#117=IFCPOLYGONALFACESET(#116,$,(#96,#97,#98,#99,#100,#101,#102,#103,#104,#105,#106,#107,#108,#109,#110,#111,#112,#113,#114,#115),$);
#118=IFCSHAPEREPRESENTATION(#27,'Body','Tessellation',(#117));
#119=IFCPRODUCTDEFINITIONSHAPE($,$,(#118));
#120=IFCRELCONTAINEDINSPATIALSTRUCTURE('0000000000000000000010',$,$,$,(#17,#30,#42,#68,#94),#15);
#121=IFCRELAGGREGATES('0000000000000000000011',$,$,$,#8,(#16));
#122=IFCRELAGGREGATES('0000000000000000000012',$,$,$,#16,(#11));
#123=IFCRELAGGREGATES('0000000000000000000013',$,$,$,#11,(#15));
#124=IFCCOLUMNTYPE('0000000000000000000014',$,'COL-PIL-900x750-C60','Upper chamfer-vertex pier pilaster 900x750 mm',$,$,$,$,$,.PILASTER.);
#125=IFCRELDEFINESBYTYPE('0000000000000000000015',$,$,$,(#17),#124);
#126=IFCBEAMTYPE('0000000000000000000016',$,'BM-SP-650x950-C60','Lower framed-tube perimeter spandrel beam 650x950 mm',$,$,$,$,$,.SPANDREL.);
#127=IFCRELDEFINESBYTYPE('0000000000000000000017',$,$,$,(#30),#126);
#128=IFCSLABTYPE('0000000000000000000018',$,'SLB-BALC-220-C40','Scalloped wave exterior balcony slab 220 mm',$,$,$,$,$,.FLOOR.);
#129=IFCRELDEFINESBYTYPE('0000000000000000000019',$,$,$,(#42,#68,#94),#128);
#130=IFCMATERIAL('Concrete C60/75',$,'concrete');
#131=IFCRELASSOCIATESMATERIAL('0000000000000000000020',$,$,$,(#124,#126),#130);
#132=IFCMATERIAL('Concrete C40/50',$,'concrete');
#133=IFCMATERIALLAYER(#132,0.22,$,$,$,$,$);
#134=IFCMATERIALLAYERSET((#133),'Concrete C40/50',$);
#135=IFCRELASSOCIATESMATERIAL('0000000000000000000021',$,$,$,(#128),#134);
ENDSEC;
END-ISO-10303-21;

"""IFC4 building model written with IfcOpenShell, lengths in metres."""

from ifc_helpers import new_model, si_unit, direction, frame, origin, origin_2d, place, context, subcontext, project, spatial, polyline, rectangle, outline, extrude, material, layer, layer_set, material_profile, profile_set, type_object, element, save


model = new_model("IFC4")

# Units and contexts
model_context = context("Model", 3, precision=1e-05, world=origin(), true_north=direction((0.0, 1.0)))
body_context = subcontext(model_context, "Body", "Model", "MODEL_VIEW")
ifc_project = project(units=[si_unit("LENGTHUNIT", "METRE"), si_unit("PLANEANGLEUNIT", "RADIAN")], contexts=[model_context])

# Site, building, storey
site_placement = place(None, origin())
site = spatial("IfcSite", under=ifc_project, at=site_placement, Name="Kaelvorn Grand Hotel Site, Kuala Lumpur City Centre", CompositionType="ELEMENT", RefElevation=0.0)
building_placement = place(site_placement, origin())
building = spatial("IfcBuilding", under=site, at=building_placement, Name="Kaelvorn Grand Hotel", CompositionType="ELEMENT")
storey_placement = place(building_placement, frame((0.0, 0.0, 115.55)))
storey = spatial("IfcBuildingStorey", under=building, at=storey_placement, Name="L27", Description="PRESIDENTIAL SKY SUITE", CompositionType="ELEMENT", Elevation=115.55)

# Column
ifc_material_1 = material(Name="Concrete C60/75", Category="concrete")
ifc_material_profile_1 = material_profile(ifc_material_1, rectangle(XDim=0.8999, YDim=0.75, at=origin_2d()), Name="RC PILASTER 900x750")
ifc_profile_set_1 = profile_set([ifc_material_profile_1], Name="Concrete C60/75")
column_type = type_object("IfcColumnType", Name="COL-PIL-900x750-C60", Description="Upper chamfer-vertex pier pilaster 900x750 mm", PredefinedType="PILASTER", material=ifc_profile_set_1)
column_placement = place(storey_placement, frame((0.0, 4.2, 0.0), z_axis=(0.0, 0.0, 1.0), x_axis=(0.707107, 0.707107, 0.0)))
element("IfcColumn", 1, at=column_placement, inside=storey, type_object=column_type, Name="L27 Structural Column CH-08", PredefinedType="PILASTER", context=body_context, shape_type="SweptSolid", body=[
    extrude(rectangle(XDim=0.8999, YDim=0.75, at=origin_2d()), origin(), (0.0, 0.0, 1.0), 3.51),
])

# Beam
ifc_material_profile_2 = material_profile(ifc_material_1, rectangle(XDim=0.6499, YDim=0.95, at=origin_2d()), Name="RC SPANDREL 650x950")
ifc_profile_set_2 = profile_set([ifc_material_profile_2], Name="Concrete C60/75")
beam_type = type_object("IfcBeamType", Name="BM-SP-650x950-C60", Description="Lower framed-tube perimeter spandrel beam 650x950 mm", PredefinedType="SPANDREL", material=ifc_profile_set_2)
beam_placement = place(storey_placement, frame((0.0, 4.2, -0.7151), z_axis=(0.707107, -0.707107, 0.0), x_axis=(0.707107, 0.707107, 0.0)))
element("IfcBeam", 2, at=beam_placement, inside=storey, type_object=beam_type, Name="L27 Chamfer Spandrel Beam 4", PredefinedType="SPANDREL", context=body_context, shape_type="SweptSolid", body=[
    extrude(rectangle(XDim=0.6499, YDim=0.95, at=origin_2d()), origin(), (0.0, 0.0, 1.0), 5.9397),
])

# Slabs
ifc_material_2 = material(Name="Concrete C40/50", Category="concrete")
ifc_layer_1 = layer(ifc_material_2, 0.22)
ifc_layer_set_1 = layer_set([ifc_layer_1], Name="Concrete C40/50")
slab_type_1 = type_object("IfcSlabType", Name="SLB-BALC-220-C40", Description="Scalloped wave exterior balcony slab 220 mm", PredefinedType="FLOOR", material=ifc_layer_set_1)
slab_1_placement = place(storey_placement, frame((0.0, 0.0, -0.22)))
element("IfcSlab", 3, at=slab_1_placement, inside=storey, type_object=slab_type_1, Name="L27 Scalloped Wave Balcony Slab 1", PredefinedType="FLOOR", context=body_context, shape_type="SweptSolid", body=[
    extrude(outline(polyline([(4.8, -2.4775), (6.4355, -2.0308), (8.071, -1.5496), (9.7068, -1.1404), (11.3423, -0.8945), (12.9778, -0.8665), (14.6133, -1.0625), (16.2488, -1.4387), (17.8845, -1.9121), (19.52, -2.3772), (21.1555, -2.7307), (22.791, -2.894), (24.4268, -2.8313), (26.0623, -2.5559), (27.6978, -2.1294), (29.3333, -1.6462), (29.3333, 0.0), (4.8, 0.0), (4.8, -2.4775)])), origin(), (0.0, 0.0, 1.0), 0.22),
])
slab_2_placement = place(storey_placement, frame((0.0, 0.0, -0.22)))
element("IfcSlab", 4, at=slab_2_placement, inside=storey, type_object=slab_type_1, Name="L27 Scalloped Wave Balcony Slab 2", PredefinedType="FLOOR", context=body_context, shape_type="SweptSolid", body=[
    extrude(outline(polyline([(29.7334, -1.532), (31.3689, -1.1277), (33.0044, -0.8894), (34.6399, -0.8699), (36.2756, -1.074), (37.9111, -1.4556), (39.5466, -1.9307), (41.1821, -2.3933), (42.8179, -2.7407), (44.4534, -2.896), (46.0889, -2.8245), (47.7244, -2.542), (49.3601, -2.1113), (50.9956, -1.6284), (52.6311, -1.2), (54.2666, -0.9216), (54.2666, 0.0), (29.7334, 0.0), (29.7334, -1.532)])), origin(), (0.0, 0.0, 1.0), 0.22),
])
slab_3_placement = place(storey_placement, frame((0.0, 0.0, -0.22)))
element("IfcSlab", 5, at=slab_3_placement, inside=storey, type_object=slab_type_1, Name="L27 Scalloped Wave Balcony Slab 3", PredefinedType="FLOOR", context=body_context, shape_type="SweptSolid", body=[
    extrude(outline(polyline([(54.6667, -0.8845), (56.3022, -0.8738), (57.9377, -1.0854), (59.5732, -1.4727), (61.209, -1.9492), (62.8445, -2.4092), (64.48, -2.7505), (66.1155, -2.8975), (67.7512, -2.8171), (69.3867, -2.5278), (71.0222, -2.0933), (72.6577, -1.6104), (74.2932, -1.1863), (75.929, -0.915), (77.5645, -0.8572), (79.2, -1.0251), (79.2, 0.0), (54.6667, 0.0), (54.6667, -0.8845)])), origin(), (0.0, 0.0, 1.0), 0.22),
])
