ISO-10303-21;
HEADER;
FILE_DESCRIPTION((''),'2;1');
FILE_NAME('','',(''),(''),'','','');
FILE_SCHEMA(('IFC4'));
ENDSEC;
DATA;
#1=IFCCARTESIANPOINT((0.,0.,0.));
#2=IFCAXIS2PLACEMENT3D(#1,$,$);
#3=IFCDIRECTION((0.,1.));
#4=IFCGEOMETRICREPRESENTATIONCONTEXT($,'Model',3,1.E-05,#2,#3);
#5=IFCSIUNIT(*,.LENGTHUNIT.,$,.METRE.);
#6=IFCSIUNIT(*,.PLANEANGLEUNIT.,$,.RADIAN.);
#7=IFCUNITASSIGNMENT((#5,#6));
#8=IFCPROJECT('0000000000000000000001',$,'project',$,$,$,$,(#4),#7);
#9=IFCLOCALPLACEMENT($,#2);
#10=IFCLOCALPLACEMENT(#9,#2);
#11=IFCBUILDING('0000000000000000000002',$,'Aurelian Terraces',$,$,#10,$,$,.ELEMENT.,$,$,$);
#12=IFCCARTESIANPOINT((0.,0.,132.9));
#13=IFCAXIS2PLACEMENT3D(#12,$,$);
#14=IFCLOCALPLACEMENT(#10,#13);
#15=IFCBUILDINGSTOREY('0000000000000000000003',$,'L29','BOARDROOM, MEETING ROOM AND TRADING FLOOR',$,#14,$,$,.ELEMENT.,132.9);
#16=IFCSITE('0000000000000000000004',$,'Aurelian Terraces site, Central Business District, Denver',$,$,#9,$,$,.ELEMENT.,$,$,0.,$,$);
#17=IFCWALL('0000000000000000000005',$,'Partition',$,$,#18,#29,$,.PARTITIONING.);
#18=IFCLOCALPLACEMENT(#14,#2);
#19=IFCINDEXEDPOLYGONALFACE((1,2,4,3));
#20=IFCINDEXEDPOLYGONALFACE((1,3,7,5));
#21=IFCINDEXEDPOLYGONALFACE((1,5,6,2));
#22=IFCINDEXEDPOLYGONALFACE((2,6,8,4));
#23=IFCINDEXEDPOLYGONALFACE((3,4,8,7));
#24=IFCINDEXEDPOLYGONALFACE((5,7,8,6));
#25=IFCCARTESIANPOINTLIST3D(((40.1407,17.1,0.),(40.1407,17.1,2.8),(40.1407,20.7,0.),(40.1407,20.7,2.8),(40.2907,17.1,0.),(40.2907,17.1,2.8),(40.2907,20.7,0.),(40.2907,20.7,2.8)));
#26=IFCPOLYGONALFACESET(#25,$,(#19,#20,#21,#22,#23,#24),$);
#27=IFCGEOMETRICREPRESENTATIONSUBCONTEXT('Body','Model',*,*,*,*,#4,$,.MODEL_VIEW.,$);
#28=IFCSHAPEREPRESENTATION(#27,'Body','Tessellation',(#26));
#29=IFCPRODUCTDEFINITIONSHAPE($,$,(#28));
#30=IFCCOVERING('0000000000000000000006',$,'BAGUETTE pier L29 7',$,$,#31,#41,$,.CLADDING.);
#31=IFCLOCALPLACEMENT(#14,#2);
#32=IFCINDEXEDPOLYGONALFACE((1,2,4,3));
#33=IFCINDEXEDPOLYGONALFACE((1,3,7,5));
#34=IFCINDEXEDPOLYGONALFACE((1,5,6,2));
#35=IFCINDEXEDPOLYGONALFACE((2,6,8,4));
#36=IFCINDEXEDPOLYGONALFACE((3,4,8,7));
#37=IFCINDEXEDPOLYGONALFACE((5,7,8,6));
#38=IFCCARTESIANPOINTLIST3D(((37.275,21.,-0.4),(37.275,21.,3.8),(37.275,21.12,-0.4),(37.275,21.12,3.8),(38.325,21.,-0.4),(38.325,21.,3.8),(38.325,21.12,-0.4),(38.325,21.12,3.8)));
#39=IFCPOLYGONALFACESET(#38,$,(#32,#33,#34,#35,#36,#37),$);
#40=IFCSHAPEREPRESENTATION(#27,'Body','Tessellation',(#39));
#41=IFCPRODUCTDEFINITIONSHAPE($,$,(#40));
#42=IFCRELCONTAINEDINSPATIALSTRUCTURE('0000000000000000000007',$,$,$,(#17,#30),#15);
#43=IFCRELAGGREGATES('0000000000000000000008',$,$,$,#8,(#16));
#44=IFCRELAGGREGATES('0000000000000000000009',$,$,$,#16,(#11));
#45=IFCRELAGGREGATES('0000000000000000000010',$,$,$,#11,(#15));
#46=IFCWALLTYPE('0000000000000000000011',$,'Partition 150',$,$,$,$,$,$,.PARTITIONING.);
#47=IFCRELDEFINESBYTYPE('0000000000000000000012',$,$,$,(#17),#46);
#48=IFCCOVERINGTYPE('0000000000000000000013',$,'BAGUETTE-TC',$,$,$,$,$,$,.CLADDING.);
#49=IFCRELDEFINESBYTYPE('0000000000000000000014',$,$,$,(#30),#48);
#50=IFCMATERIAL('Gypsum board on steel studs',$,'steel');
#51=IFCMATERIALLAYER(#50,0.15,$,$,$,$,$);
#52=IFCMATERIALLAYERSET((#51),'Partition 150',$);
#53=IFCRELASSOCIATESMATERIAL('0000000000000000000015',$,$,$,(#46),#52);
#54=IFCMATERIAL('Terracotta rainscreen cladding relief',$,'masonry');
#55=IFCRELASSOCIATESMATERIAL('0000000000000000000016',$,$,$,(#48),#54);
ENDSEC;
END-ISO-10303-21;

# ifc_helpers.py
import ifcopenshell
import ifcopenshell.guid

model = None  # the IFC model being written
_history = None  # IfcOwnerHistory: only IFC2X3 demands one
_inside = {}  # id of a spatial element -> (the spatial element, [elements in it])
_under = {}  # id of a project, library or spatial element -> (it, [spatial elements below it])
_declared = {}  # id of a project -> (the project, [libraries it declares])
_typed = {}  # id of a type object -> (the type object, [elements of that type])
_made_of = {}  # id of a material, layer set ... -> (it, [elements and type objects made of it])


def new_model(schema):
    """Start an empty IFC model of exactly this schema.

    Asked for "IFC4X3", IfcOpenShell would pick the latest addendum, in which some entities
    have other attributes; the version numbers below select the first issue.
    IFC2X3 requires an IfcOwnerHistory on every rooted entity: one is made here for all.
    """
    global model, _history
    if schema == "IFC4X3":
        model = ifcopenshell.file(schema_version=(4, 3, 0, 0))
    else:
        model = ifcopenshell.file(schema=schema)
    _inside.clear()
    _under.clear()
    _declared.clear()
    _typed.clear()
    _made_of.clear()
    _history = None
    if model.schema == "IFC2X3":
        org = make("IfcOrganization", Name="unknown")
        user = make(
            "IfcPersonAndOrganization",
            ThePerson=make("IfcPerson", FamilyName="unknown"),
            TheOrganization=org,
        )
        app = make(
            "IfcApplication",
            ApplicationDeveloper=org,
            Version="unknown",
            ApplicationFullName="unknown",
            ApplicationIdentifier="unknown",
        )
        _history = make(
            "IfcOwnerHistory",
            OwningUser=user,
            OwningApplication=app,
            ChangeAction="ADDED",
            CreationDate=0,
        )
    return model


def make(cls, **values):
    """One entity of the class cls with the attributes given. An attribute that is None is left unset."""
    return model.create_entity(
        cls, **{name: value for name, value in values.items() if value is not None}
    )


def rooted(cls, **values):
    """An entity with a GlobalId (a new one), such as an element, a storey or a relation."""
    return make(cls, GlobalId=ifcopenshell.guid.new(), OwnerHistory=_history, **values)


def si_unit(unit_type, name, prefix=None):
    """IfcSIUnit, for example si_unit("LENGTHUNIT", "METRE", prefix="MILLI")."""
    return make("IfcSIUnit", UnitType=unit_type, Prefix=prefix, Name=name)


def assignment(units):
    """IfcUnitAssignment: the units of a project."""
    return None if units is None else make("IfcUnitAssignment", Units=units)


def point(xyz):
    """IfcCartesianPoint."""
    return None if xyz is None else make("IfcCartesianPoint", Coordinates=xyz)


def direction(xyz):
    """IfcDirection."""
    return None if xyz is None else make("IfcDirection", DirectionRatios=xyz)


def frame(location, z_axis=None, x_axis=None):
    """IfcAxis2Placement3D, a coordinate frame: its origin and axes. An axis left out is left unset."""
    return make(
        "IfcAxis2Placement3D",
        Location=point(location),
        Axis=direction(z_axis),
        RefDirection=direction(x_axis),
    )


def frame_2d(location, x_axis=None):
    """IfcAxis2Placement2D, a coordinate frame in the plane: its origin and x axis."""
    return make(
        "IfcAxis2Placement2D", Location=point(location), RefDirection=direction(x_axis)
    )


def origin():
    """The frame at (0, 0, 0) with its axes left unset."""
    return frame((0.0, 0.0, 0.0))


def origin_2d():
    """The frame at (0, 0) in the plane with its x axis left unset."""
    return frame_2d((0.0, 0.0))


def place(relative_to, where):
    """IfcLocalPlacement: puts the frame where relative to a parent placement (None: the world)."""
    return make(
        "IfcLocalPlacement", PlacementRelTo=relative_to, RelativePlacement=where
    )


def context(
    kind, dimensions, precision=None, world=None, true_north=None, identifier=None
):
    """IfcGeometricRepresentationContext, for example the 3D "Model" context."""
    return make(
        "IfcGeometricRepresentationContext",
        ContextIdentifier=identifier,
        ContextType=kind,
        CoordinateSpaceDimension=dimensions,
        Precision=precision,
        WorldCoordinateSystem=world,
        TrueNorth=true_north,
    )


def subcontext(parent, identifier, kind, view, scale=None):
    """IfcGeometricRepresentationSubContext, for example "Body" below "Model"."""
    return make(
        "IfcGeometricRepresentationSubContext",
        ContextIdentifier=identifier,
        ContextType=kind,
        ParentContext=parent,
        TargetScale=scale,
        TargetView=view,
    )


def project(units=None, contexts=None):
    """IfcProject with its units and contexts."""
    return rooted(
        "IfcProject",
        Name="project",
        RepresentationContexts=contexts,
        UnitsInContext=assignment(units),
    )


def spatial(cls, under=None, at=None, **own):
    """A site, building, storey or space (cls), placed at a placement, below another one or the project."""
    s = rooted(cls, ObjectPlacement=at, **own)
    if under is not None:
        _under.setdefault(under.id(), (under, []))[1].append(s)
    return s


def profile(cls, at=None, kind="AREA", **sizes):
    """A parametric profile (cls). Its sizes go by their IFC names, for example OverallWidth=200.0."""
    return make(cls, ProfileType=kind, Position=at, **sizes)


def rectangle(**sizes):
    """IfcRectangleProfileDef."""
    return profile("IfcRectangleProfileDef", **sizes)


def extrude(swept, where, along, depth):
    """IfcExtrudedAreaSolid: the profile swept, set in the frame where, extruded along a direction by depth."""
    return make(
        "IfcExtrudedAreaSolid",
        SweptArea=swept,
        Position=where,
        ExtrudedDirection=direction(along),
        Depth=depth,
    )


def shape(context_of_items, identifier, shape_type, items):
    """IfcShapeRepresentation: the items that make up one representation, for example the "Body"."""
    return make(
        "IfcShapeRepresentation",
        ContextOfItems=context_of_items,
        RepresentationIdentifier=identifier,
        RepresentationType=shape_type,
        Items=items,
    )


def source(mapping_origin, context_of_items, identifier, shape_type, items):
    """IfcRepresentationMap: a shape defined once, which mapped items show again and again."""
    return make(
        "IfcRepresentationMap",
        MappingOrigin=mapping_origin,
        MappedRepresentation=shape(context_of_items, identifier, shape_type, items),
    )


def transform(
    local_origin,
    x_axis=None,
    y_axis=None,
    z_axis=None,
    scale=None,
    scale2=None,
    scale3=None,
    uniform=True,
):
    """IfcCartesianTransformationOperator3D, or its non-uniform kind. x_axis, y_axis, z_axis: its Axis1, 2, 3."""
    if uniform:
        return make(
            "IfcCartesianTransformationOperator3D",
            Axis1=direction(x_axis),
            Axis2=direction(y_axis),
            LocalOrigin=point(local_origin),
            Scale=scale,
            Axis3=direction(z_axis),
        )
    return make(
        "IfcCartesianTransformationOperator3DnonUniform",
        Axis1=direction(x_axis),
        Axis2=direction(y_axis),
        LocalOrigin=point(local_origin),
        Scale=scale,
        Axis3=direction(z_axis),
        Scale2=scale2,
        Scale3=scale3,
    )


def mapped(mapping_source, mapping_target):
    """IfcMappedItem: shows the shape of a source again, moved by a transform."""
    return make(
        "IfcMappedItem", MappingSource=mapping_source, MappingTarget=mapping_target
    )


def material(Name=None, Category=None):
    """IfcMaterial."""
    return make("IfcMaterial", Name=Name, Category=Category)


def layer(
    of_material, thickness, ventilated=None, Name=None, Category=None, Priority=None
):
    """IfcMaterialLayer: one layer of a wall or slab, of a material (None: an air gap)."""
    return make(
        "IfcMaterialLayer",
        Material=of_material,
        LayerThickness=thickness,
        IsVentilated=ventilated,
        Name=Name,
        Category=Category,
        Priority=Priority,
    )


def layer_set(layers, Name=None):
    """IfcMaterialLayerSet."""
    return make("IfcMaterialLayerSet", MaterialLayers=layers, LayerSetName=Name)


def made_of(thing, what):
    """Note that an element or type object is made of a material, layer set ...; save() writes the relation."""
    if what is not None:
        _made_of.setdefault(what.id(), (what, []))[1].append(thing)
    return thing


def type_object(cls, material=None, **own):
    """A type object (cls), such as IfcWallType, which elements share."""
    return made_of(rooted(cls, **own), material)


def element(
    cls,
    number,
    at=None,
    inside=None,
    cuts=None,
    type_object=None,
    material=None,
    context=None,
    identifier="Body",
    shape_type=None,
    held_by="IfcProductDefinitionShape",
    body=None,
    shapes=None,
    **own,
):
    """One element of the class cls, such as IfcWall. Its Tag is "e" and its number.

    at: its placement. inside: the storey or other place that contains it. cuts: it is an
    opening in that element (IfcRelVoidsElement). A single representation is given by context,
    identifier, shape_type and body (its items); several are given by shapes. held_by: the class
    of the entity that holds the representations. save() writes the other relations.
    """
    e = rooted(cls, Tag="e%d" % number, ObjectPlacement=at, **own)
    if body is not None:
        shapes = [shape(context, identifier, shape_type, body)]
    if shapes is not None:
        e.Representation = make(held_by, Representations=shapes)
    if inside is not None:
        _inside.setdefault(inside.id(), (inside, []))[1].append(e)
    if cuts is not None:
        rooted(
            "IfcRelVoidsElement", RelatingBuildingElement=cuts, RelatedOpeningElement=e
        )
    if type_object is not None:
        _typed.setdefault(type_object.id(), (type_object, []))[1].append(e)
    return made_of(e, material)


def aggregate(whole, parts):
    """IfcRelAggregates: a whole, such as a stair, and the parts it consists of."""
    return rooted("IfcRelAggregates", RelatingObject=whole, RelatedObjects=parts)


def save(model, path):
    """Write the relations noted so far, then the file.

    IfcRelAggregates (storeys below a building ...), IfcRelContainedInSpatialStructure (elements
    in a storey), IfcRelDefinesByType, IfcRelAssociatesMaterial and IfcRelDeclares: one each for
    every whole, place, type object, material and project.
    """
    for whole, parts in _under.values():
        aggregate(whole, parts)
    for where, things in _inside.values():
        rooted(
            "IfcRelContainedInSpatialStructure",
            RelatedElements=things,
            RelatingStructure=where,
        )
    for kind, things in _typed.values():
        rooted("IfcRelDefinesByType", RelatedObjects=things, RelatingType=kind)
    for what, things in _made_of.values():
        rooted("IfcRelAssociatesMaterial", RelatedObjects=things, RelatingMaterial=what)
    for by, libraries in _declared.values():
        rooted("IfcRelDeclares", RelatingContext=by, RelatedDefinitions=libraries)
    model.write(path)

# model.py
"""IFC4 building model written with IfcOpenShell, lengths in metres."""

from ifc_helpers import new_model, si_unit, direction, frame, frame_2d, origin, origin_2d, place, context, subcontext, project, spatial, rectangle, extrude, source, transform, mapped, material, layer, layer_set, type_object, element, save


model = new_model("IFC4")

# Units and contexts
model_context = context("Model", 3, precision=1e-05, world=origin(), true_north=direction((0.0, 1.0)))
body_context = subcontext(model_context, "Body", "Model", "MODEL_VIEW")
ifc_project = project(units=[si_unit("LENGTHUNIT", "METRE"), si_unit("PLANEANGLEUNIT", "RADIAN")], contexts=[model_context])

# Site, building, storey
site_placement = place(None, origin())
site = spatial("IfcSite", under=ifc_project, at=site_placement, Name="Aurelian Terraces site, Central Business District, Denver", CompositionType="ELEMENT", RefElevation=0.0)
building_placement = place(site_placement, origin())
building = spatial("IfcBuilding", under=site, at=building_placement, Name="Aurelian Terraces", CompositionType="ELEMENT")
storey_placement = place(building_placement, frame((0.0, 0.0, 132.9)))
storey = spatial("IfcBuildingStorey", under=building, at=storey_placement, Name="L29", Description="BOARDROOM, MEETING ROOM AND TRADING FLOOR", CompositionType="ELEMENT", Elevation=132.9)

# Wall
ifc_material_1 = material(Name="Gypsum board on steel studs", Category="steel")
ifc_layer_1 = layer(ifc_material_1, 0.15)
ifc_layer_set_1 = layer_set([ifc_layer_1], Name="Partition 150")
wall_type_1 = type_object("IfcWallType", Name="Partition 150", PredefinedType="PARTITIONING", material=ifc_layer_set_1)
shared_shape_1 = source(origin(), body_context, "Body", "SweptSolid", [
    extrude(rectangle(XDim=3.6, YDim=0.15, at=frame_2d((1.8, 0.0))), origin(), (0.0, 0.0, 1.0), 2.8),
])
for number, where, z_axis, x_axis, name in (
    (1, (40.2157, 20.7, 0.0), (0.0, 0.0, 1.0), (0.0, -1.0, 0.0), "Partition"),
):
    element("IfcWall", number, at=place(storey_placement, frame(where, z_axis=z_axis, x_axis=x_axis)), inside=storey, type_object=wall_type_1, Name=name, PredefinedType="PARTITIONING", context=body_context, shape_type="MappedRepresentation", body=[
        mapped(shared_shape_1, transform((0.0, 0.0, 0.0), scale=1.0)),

# # # #

■ Task goal ■
In the material above, find every line that has the string "IfcOwnerHistory" and pull those lines out.

■ Task output ■
_history = None  # IfcOwnerHistory: only IFC2X3 demands one
    IFC2X3 requires an IfcOwnerHistory on every rooted entity: one is made here for all.
            "IfcOwnerHistory",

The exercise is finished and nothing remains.